**Material for this task**:
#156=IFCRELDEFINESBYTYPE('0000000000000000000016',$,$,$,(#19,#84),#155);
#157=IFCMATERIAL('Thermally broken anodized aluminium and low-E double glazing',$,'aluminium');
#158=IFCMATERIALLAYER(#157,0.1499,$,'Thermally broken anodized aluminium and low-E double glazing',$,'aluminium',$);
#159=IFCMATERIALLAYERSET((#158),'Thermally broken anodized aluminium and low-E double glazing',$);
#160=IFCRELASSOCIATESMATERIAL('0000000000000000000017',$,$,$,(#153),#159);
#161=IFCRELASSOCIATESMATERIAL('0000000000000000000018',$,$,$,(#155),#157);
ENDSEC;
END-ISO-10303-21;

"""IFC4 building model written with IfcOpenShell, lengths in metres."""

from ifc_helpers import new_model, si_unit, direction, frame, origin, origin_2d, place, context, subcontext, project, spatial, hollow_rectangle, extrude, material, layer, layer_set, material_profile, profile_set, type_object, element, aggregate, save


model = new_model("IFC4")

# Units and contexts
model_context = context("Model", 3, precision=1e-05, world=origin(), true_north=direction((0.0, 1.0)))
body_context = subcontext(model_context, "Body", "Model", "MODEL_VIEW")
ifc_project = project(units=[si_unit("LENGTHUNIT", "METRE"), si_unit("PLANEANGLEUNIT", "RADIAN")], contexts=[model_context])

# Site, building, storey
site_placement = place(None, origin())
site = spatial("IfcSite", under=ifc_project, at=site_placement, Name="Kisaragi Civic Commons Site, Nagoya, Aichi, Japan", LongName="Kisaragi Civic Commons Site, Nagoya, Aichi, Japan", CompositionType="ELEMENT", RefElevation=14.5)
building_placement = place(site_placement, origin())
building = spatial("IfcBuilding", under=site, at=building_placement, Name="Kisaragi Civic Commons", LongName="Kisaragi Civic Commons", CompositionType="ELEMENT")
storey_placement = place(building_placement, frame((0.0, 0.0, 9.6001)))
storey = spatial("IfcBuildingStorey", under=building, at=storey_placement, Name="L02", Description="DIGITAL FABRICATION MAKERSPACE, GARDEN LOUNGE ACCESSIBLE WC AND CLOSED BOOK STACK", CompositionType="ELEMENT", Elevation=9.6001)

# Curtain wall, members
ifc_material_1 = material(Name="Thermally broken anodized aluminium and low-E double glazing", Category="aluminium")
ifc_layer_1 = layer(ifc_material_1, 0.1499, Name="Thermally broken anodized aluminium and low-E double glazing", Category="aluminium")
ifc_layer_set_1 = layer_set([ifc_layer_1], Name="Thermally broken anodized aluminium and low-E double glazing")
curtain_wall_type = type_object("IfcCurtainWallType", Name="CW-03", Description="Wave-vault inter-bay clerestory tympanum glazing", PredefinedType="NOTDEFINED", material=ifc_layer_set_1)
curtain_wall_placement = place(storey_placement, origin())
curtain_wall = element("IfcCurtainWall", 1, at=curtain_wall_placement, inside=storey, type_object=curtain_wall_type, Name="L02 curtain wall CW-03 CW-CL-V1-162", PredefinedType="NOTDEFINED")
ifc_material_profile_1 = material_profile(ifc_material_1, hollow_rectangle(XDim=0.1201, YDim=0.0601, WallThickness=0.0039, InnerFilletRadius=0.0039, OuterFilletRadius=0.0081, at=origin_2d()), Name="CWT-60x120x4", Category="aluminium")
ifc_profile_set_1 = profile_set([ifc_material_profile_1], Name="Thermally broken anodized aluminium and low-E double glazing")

**Directions**: The answer must consist of every line in the records above that contains the word "IFCRELASSOCIATESMATERIAL".

**Task result**:
#160=IFCRELASSOCIATESMATERIAL('0000000000000000000017',$,$,$,(#153),#159);
#161=IFCRELASSOCIATESMATERIAL('0000000000000000000018',$,$,$,(#155),#157);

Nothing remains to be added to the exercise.